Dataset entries
════════
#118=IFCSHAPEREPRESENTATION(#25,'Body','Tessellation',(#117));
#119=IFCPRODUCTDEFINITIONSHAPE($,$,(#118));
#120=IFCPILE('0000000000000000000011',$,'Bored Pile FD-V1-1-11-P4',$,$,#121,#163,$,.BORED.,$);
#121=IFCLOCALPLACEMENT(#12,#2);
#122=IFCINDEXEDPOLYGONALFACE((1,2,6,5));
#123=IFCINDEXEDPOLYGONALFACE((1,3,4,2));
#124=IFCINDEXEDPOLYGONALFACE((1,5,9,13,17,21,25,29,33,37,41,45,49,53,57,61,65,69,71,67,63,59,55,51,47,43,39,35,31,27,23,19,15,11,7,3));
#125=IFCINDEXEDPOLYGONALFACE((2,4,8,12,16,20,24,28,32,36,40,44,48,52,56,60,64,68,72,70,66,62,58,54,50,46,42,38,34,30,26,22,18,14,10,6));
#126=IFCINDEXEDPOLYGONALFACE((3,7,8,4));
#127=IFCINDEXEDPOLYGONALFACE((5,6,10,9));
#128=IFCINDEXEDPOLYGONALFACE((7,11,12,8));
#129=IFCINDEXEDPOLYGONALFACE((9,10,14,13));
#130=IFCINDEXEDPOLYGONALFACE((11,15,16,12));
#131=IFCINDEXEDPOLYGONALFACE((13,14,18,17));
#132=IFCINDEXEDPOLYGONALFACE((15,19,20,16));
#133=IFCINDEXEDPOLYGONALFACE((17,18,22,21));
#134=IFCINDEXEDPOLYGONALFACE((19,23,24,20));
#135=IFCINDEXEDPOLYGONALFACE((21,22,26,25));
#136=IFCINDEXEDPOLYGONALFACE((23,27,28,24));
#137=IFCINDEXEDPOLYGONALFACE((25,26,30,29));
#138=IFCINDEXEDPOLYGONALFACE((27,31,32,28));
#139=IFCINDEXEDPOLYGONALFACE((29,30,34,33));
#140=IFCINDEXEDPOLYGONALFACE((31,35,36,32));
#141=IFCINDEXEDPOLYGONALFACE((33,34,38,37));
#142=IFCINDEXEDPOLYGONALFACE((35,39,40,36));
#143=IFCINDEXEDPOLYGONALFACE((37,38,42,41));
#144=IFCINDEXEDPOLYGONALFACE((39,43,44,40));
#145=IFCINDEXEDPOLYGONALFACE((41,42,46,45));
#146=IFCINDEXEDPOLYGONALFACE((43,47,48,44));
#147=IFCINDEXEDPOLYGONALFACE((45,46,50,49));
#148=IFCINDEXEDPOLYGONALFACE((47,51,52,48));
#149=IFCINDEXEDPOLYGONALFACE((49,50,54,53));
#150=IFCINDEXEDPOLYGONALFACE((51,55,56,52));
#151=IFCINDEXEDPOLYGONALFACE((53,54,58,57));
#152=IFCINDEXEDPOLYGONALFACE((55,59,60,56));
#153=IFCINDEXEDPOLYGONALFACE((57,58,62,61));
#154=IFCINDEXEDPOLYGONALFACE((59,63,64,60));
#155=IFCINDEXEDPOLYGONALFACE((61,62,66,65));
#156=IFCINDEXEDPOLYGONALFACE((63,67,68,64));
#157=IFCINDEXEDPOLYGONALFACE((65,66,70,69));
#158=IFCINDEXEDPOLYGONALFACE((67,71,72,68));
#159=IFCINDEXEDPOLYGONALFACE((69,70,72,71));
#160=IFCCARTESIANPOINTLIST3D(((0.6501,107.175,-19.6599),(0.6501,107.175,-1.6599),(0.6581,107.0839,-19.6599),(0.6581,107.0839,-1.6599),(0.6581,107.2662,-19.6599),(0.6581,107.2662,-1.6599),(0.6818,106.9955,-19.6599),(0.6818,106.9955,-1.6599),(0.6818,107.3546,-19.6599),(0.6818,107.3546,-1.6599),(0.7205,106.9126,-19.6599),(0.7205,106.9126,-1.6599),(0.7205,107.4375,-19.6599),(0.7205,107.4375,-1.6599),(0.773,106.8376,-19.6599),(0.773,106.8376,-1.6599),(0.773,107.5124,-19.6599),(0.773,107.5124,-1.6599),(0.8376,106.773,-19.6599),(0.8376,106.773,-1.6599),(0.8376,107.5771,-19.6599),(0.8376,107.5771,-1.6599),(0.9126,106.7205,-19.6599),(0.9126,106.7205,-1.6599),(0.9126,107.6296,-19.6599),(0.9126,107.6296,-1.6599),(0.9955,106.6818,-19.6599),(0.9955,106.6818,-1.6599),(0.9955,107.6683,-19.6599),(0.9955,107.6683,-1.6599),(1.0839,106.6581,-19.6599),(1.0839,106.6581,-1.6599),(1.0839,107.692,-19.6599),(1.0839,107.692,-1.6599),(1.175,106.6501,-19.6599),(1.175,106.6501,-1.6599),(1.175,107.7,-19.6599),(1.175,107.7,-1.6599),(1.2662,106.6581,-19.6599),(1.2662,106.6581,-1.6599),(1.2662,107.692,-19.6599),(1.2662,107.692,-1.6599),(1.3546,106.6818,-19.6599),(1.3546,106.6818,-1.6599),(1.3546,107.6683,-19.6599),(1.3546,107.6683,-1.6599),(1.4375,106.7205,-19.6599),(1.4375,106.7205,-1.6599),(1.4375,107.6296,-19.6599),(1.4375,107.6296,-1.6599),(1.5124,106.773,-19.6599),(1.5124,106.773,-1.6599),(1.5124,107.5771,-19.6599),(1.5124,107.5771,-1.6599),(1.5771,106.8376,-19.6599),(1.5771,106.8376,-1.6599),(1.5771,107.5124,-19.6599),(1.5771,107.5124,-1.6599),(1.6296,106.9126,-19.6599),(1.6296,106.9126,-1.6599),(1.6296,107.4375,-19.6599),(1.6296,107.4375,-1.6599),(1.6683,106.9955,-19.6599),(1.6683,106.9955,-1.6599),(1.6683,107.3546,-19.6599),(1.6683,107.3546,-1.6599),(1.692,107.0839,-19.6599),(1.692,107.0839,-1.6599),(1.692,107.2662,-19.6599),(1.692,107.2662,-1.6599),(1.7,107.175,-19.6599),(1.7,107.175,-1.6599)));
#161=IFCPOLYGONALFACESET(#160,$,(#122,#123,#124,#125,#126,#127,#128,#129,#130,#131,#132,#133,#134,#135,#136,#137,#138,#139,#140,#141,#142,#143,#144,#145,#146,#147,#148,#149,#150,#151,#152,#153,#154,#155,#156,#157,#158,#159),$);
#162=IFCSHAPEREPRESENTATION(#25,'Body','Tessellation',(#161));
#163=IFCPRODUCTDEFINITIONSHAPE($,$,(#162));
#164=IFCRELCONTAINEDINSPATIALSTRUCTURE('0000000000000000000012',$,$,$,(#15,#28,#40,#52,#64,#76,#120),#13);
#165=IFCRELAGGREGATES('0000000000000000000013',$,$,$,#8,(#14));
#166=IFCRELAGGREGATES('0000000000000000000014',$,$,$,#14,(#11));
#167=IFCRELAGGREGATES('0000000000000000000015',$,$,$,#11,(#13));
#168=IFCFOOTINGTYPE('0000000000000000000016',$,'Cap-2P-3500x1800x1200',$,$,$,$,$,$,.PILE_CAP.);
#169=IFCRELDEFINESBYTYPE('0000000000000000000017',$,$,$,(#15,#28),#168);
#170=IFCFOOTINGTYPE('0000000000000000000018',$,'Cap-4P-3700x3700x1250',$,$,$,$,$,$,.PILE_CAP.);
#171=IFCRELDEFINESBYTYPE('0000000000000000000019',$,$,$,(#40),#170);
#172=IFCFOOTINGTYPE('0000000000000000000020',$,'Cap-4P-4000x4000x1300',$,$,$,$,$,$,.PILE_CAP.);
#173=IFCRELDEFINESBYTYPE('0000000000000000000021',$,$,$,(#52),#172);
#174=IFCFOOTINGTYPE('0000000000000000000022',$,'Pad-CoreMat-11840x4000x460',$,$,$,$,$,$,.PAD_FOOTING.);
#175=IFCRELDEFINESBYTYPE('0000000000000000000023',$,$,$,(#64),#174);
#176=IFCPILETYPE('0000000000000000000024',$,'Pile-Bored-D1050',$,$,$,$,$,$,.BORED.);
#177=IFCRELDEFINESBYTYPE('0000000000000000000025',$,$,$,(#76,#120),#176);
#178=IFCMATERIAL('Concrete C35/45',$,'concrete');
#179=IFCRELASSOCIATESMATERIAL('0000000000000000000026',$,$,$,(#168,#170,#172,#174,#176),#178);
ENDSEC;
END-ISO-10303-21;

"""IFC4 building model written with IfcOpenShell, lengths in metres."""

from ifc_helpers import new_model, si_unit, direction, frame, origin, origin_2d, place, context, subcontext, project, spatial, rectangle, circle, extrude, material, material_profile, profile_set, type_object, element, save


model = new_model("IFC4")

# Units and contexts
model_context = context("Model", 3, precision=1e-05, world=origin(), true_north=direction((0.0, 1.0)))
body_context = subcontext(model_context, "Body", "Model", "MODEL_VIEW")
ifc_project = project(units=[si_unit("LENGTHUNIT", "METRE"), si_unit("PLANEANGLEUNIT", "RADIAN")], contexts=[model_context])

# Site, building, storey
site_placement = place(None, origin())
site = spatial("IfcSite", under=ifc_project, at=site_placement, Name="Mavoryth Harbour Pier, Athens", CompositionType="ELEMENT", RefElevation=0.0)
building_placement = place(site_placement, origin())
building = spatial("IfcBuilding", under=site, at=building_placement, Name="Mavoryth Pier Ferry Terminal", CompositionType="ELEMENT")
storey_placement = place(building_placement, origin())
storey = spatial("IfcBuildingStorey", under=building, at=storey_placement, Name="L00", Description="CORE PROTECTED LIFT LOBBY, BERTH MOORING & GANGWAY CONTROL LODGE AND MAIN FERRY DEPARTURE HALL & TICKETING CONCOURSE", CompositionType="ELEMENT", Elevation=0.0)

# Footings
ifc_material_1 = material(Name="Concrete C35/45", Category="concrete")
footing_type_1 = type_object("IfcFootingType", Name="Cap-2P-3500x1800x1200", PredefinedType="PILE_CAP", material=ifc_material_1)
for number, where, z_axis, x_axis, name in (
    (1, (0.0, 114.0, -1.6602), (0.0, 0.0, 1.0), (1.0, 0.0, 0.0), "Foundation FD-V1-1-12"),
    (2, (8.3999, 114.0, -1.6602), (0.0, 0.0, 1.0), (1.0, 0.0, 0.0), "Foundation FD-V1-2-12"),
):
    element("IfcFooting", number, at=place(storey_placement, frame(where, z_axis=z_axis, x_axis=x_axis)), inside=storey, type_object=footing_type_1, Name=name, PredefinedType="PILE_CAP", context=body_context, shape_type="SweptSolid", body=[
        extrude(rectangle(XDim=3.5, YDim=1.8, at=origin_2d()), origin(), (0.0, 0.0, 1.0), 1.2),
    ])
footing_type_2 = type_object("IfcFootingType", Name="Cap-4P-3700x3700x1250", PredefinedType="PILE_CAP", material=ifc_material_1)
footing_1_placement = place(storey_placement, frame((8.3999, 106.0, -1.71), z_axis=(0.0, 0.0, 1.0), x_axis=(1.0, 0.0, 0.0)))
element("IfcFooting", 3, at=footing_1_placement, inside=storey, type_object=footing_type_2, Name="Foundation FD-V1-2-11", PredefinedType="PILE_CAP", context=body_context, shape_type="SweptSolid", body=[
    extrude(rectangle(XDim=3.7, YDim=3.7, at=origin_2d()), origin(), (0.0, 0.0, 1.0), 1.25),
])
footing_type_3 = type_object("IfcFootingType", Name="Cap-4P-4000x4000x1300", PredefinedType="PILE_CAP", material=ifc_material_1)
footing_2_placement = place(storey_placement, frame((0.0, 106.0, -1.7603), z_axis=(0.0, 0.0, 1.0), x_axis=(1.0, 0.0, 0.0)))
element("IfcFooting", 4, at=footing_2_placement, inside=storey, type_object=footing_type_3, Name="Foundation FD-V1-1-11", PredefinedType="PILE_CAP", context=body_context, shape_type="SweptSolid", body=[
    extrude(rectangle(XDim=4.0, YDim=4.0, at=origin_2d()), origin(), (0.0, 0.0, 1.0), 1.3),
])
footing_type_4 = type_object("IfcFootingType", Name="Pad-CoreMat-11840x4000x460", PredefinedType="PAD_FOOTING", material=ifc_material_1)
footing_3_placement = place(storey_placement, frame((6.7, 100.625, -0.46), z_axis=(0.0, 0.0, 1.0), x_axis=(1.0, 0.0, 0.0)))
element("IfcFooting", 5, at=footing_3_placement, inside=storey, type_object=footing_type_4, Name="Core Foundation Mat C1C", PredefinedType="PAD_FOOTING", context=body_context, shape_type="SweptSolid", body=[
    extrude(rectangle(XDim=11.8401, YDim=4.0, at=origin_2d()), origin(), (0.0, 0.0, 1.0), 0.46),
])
════════
**WHAT IS EXPECTED**
All that is wanted is the stretch of lines above from the one containing "#132=IFCINDEXEDPOLYGONALFACE((15,19,20,16));" through the one containing "#149=IFCINDEXEDPOLYGONALFACE((49,50,54,53));", duplicated exactly.

**RESPONSE BELOW**
#132=IFCINDEXEDPOLYGONALFACE((15,19,20,16));
#133=IFCINDEXEDPOLYGONALFACE((17,18,22,21));
#134=IFCINDEXEDPOLYGONALFACE((19,23,24,20));
#135=IFCINDEXEDPOLYGONALFACE((21,22,26,25));
#136=IFCINDEXEDPOLYGONALFACE((23,27,28,24));
#137=IFCINDEXEDPOLYGONALFACE((25,26,30,29));
#138=IFCINDEXEDPOLYGONALFACE((27,31,32,28));
#139=IFCINDEXEDPOLYGONALFACE((29,30,34,33));
#140=IFCINDEXEDPOLYGONALFACE((31,35,36,32));
#141=IFCINDEXEDPOLYGONALFACE((33,34,38,37));
#142=IFCINDEXEDPOLYGONALFACE((35,39,40,36));
#143=IFCINDEXEDPOLYGONALFACE((37,38,42,41));
#144=IFCINDEXEDPOLYGONALFACE((39,43,44,40));
#145=IFCINDEXEDPOLYGONALFACE((41,42,46,45));
#146=IFCINDEXEDPOLYGONALFACE((43,47,48,44));
#147=IFCINDEXEDPOLYGONALFACE((45,46,50,49));
#148=IFCINDEXEDPOLYGONALFACE((47,51,52,48));
#149=IFCINDEXEDPOLYGONALFACE((49,50,54,53));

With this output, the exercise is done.